▸ What to produce
Look through the records below for the line holding "#135=IFCINDEXEDPOLYGONALFACE((2,9,11,6));". Write it out exactly, with each following line through the line holding "#144=IFCINDEXEDPOLYGONALFACE((17,21,23,19));".
(Dataset content)
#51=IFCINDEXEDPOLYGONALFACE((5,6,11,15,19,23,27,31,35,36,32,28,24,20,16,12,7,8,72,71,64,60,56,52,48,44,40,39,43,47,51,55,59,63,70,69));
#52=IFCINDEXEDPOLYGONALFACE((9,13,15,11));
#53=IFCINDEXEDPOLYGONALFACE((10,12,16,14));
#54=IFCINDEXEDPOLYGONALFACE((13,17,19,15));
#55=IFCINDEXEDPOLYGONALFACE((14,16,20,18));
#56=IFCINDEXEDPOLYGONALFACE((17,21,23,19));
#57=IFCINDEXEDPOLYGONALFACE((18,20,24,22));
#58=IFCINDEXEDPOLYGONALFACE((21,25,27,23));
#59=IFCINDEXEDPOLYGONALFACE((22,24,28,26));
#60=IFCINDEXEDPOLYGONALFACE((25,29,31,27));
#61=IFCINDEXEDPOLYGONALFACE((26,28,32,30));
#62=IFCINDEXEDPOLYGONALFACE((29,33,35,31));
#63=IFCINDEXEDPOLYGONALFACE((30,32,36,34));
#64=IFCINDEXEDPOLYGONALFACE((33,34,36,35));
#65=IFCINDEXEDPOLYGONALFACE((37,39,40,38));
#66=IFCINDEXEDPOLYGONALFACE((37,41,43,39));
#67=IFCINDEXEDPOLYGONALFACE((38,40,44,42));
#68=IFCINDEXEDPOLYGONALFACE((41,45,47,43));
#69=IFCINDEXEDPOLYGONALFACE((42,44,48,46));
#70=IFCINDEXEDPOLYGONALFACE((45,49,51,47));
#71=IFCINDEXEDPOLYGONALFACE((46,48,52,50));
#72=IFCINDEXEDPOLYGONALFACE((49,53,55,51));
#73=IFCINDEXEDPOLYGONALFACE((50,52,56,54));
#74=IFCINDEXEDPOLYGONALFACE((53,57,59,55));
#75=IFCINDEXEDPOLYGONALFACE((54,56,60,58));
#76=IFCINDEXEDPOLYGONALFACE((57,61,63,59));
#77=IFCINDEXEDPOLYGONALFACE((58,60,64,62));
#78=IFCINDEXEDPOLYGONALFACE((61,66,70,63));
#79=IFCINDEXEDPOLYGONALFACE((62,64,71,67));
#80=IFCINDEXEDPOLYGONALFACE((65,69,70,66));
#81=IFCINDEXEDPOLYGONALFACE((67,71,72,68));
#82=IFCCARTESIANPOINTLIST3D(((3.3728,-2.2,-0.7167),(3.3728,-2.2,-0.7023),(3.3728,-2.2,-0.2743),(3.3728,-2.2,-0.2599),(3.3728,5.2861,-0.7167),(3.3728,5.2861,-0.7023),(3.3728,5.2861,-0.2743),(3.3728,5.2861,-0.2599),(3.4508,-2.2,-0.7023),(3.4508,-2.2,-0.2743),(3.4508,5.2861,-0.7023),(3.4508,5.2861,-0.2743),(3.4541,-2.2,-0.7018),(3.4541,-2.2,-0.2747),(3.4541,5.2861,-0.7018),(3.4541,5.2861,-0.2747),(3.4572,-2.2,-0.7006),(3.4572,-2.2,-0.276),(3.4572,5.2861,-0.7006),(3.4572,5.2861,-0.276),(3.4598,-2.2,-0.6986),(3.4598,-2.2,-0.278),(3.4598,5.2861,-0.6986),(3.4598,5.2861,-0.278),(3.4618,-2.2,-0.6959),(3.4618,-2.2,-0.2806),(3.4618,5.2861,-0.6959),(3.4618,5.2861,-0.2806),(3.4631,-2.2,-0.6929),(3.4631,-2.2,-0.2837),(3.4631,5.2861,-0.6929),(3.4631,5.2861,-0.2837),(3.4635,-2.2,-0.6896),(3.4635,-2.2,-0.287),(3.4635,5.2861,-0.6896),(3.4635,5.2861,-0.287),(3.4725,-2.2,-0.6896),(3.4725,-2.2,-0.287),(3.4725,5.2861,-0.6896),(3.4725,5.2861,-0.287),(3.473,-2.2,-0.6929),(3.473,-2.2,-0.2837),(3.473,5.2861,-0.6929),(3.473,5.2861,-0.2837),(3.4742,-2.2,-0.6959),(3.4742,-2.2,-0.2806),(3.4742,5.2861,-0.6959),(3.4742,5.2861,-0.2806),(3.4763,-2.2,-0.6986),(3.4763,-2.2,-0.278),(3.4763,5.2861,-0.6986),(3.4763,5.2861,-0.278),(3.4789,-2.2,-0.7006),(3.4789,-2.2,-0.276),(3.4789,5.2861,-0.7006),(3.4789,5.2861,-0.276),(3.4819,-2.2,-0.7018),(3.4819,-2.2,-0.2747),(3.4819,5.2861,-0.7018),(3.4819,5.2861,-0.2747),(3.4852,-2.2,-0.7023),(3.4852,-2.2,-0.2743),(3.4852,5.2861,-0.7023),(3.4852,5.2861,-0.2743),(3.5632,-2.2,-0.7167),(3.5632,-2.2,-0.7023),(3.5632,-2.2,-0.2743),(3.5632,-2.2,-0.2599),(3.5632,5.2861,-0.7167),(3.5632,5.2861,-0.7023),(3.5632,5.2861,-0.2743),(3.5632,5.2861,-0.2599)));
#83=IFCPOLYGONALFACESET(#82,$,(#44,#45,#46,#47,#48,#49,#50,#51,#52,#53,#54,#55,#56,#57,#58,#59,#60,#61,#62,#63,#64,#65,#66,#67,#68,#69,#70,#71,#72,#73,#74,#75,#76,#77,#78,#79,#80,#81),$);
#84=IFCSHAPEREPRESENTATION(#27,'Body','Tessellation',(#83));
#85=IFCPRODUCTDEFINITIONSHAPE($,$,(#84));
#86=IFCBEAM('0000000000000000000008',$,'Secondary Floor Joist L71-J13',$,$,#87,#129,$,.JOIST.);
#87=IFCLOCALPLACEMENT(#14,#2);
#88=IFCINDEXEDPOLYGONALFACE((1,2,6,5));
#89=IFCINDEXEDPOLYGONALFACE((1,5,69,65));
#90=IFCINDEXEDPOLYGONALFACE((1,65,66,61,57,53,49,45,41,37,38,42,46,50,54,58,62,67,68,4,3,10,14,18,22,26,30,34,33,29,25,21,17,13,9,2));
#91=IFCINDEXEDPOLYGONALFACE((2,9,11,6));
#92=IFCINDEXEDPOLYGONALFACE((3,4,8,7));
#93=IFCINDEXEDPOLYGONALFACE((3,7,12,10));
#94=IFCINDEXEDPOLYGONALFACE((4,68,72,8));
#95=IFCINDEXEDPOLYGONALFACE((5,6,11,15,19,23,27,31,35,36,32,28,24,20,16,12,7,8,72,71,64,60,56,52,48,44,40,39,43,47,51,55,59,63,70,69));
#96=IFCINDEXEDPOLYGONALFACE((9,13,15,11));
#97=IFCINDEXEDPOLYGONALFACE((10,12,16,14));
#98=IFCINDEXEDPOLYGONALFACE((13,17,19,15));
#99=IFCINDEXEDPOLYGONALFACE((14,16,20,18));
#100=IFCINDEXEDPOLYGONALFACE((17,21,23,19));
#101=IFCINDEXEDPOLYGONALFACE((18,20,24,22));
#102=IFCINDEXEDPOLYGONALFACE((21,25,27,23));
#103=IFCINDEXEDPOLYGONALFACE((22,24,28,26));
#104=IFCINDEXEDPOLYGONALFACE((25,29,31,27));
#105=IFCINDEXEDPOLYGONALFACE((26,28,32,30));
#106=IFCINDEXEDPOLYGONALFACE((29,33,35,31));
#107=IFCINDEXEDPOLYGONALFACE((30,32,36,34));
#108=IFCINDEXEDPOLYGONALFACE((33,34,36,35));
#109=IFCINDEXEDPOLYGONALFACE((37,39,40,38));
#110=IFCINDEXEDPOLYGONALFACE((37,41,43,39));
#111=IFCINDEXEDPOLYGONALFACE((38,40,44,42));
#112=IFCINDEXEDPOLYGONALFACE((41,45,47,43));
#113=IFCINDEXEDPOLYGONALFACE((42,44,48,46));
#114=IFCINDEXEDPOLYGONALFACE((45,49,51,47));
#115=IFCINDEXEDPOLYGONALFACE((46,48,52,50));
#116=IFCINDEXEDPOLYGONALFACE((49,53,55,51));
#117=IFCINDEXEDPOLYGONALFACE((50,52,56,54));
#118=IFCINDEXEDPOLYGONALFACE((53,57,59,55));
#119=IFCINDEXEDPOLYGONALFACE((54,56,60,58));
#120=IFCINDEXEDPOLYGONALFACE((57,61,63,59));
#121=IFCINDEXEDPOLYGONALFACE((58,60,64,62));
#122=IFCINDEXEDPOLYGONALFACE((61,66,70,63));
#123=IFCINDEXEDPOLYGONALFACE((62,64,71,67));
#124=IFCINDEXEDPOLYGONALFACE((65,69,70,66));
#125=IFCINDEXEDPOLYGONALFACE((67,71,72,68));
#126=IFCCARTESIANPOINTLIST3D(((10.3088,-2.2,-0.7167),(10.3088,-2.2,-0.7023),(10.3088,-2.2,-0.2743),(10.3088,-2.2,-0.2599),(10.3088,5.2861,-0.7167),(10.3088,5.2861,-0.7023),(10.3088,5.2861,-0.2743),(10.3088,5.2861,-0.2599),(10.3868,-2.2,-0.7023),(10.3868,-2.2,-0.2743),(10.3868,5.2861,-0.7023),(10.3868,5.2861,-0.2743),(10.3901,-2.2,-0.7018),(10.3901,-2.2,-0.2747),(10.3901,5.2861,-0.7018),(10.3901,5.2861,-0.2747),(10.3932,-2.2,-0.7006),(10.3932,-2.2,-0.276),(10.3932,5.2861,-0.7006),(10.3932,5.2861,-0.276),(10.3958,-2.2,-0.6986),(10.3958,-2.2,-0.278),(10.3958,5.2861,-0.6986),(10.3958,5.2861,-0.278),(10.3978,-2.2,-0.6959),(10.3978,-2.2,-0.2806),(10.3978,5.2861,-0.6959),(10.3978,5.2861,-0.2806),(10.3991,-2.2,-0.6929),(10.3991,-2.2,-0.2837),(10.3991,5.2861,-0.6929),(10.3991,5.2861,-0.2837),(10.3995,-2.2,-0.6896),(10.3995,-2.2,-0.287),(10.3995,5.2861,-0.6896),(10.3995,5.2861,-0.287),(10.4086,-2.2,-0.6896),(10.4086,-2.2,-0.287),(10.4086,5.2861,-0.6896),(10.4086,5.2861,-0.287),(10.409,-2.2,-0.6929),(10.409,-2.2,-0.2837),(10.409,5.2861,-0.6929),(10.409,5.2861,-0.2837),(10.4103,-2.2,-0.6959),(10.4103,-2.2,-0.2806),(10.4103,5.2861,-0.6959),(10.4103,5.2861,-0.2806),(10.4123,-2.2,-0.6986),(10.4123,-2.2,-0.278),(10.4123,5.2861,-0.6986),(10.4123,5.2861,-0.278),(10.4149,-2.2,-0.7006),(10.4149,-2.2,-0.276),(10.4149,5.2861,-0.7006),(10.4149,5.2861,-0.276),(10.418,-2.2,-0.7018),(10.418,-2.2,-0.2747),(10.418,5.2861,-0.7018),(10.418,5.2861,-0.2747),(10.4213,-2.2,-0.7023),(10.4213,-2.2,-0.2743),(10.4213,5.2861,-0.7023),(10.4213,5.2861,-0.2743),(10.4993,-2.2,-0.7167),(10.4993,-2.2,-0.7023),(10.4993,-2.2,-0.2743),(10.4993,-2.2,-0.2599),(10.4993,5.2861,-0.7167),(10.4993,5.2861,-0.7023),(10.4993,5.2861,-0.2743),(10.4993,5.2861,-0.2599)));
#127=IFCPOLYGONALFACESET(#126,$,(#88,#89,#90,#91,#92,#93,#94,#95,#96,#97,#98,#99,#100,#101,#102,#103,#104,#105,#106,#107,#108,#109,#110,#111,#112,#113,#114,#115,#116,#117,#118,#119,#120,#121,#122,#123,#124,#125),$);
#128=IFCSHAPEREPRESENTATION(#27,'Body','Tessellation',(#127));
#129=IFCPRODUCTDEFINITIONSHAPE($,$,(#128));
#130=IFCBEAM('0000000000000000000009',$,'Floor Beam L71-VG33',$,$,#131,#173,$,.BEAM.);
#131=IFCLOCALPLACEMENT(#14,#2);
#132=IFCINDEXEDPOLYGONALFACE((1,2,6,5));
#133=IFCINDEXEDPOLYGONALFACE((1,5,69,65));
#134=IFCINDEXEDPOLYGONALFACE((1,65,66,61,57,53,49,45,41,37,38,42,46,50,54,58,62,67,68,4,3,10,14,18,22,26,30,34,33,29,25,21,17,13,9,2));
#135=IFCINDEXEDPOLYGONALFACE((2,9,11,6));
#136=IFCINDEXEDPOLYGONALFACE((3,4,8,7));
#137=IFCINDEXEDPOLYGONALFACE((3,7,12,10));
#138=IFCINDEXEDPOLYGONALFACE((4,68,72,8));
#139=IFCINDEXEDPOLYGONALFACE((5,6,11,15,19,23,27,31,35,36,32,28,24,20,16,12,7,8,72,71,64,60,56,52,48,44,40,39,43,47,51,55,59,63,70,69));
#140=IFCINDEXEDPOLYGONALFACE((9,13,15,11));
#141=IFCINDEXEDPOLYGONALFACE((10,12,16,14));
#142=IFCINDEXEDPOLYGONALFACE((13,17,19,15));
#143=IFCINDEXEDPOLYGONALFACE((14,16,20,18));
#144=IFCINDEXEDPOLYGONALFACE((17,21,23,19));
(End Dataset content)
(Dataset content)
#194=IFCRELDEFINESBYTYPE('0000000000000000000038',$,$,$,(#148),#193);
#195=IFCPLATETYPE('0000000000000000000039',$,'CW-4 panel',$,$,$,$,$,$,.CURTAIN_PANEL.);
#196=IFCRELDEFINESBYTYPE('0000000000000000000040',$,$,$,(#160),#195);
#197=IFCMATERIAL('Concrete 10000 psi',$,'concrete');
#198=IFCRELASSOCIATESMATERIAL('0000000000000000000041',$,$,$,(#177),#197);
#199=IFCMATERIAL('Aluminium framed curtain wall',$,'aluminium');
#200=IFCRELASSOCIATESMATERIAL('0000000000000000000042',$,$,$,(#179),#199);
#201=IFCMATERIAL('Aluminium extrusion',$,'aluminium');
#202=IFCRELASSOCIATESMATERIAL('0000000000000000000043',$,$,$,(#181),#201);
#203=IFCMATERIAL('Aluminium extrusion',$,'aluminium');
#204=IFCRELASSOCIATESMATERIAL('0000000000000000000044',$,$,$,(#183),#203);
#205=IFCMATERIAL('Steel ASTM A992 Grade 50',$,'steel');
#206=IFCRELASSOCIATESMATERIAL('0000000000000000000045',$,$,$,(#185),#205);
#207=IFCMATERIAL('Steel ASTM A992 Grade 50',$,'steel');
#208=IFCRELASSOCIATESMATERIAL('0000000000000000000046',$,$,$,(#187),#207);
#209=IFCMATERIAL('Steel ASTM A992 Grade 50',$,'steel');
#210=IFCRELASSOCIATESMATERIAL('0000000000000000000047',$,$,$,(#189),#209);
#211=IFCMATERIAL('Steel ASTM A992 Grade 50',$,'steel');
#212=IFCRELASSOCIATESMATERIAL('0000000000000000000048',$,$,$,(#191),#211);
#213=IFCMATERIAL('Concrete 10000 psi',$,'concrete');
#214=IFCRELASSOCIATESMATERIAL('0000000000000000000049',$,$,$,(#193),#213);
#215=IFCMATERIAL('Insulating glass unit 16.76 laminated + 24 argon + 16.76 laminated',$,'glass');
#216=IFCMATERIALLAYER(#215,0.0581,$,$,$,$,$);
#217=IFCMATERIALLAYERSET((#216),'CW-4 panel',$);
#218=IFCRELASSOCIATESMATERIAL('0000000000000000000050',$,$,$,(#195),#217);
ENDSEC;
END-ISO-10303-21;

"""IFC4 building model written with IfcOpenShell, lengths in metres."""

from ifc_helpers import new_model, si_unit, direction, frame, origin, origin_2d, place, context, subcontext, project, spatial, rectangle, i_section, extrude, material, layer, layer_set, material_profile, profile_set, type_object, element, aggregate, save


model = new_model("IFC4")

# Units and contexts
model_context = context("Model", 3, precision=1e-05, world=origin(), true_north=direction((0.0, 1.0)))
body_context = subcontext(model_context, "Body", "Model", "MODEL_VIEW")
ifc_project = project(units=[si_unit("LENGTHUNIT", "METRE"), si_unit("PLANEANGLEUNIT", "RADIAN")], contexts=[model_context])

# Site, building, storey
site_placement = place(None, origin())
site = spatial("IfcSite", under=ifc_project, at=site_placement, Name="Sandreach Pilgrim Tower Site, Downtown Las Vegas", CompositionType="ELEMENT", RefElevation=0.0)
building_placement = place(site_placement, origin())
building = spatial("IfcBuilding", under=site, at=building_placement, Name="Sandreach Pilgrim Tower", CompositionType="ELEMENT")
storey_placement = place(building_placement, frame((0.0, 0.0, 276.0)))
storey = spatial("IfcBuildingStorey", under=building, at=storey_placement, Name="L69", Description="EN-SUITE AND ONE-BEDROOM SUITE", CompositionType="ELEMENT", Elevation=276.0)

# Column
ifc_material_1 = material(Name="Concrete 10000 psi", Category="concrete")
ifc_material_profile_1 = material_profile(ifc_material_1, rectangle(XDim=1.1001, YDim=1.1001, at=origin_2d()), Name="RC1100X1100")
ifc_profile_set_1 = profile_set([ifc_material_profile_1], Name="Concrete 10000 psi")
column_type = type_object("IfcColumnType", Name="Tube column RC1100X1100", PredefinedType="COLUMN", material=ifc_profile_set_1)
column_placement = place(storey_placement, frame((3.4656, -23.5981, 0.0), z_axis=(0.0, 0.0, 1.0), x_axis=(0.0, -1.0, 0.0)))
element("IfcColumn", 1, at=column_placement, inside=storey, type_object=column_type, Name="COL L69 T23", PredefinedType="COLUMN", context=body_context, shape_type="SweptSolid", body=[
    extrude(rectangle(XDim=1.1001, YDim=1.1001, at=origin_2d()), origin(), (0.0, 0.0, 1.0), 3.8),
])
(End Dataset content)
(Dataset content)
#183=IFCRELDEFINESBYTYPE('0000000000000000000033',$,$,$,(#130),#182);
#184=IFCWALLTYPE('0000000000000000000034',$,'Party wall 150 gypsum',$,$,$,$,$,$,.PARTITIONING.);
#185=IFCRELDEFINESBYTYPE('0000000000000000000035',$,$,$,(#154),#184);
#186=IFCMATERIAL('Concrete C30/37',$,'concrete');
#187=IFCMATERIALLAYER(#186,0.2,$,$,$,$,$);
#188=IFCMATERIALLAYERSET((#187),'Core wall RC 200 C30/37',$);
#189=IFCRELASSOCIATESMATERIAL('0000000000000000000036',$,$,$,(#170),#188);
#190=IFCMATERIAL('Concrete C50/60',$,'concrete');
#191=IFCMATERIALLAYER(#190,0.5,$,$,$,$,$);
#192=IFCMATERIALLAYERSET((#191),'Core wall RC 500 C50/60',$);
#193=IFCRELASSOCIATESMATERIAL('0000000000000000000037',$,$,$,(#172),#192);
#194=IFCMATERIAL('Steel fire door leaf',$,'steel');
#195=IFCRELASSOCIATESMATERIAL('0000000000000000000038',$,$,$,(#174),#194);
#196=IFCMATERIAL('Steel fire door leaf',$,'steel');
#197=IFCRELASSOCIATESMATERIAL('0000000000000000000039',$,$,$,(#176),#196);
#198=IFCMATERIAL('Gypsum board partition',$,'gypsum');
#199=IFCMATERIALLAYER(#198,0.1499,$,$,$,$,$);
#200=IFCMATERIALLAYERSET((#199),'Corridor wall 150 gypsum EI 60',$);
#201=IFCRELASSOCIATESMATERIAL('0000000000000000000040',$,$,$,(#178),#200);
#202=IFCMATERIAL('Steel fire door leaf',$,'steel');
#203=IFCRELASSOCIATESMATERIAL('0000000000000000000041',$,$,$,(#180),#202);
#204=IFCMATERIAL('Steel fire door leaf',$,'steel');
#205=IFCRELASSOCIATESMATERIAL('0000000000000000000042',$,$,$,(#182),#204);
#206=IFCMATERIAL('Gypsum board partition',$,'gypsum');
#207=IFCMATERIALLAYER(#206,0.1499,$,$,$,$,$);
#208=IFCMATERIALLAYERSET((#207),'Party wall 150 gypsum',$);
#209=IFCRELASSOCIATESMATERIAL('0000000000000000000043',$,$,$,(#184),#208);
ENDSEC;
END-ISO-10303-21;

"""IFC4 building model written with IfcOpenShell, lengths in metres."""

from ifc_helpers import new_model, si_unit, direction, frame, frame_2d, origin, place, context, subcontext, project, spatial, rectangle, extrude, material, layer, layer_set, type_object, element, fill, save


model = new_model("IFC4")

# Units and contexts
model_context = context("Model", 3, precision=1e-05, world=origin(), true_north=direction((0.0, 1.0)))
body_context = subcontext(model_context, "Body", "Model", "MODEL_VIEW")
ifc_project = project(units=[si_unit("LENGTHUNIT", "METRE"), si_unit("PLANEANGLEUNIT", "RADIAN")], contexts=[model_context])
(End Dataset content)
▸ Output of the exercise
#135=IFCINDEXEDPOLYGONALFACE((2,9,11,6));
#136=IFCINDEXEDPOLYGONALFACE((3,4,8,7));
#137=IFCINDEXEDPOLYGONALFACE((3,7,12,10));
#138=IFCINDEXEDPOLYGONALFACE((4,68,72,8));
#139=IFCINDEXEDPOLYGONALFACE((5,6,11,15,19,23,27,31,35,36,32,28,24,20,16,12,7,8,72,71,64,60,56,52,48,44,40,39,43,47,51,55,59,63,70,69));
#140=IFCINDEXEDPOLYGONALFACE((9,13,15,11));
#141=IFCINDEXEDPOLYGONALFACE((10,12,16,14));
#142=IFCINDEXEDPOLYGONALFACE((13,17,19,15));
#143=IFCINDEXEDPOLYGONALFACE((14,16,20,18));
#144=IFCINDEXEDPOLYGONALFACE((17,21,23,19));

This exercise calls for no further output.